■ Aim of the exercise
Only a number is wanted here: the number of lines of the data that include "Exterior".

Items listed in a dataset:
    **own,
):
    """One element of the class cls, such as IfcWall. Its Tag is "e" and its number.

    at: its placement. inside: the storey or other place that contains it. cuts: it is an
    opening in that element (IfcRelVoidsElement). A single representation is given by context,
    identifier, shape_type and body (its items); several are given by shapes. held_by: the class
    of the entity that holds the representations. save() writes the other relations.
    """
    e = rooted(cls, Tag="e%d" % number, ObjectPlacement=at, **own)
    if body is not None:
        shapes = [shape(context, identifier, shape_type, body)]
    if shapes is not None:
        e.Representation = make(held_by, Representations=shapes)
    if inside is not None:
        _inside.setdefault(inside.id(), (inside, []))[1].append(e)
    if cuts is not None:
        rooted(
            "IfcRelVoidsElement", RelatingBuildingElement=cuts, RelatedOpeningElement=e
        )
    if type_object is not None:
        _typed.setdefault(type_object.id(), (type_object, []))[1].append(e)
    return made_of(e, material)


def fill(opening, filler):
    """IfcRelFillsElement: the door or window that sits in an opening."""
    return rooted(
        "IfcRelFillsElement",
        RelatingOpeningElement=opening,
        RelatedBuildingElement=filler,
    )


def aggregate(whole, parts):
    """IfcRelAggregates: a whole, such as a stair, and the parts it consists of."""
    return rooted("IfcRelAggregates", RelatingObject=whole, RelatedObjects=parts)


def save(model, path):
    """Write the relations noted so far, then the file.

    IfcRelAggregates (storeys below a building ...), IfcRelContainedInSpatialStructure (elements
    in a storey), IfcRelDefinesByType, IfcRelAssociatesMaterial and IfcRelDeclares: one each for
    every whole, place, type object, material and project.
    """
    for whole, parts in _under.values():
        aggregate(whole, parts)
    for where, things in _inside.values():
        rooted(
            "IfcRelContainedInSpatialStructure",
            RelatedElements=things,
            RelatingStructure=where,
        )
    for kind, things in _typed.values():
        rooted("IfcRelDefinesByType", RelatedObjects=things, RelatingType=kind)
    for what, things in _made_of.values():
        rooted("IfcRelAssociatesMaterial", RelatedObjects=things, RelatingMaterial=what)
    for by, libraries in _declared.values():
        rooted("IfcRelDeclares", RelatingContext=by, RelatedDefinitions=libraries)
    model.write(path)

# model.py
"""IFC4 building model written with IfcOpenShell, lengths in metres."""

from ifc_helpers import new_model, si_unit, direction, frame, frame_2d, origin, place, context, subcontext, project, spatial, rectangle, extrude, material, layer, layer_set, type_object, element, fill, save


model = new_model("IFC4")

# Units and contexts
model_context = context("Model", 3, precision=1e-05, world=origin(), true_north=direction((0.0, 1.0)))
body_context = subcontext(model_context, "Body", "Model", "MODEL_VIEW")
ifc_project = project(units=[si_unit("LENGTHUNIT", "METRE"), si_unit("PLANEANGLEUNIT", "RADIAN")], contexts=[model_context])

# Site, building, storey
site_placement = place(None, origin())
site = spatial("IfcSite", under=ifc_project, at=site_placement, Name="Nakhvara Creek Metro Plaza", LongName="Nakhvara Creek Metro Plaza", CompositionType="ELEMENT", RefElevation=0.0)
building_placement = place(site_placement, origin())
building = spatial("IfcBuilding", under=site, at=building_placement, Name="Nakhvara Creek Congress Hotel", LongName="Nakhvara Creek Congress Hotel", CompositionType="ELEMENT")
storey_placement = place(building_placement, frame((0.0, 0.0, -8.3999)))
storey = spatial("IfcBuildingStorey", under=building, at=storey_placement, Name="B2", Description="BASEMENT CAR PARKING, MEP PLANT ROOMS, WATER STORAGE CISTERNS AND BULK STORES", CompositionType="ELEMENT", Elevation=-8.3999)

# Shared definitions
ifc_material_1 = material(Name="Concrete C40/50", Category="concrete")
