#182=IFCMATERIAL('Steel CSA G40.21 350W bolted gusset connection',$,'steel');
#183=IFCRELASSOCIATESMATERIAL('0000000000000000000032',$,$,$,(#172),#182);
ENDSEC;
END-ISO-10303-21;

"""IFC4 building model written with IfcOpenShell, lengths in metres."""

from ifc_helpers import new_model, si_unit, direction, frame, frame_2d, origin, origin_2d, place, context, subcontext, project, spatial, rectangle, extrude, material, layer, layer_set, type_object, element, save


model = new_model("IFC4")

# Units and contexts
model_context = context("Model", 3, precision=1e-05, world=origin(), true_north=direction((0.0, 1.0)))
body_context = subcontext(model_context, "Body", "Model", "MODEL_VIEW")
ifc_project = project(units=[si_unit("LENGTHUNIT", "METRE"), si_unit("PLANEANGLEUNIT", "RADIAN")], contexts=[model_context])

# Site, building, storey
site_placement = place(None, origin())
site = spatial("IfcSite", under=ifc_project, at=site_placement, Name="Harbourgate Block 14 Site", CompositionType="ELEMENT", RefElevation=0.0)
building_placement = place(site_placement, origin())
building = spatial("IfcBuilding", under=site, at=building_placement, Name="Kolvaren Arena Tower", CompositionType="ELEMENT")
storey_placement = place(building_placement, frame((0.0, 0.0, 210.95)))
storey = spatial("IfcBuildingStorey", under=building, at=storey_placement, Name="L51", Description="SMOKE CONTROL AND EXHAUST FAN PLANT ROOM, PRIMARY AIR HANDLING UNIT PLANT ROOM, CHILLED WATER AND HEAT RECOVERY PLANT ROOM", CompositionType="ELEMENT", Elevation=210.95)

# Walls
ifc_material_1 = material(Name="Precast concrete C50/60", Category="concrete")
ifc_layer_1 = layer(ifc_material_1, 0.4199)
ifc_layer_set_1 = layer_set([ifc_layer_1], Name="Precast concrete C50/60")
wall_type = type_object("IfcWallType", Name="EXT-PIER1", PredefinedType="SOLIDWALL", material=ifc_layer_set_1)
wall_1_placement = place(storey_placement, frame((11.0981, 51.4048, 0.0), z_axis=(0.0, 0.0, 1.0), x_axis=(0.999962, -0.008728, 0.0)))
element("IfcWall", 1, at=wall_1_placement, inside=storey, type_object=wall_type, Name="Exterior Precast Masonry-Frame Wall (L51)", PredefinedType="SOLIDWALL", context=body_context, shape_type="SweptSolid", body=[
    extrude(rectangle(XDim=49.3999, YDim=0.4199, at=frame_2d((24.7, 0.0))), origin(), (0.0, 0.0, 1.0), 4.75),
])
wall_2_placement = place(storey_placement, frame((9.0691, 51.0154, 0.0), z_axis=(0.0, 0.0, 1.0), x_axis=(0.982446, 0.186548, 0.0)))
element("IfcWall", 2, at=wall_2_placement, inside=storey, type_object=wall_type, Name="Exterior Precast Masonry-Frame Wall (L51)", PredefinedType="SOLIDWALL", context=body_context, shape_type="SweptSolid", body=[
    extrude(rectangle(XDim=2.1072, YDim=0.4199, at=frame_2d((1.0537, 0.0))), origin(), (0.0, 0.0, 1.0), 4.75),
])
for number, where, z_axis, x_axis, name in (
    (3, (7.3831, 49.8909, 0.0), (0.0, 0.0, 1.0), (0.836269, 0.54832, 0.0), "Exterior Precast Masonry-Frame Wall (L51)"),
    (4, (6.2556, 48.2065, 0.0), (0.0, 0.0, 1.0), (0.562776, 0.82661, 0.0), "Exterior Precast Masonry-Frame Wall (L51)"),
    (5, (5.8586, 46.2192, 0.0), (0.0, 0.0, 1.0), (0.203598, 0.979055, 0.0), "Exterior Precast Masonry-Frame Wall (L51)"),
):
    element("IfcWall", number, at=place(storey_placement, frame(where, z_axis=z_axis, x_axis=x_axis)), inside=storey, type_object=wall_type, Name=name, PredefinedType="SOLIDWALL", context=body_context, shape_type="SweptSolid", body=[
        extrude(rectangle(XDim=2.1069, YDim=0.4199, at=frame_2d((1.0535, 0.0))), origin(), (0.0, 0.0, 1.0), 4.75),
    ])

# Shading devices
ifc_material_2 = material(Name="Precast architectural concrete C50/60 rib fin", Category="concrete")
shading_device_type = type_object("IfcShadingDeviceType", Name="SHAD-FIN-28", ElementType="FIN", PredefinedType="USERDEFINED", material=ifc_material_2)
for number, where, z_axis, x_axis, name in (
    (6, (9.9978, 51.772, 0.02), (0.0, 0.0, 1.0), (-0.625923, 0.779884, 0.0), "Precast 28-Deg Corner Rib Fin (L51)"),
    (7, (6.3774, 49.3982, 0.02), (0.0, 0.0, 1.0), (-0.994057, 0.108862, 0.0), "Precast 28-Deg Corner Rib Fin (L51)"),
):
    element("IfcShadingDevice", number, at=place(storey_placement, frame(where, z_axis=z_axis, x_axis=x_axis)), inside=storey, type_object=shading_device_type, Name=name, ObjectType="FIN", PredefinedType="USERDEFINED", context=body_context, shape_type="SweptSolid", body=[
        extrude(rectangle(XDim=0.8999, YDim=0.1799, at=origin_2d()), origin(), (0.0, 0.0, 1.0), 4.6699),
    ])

■ Answer to this task
5